■ EXERCISE DIRECTIONS
Reply with nothing but how many lines in the entries below include "spatial".

■ DATASET

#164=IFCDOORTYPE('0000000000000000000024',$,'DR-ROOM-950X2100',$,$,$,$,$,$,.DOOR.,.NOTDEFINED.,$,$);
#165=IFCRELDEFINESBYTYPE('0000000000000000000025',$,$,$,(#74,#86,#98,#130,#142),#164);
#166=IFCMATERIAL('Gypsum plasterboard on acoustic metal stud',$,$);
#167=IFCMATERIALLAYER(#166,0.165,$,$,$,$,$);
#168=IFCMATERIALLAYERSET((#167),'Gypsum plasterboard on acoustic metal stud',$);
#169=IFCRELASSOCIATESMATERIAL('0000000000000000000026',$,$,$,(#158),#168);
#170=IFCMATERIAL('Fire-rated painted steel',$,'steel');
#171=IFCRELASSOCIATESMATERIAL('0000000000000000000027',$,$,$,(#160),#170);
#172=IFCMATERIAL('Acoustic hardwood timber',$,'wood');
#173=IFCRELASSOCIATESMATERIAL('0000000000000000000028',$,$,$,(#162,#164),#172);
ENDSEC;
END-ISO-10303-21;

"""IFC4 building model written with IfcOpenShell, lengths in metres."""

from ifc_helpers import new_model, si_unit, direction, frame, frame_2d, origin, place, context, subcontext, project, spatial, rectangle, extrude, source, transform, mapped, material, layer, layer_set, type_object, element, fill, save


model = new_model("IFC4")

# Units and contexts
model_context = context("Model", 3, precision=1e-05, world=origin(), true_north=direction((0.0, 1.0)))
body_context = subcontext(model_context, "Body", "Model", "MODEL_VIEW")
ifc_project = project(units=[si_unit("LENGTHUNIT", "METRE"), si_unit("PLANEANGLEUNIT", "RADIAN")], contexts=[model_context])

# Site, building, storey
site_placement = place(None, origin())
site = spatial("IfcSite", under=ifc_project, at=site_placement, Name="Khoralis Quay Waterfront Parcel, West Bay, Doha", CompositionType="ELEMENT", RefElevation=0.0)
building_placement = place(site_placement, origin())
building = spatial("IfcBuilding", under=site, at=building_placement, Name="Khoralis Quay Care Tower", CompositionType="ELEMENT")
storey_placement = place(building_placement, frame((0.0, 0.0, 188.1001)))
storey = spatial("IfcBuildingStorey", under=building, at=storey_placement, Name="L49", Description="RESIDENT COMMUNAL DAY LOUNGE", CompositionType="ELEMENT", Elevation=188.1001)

■ ANSWER SECTION
4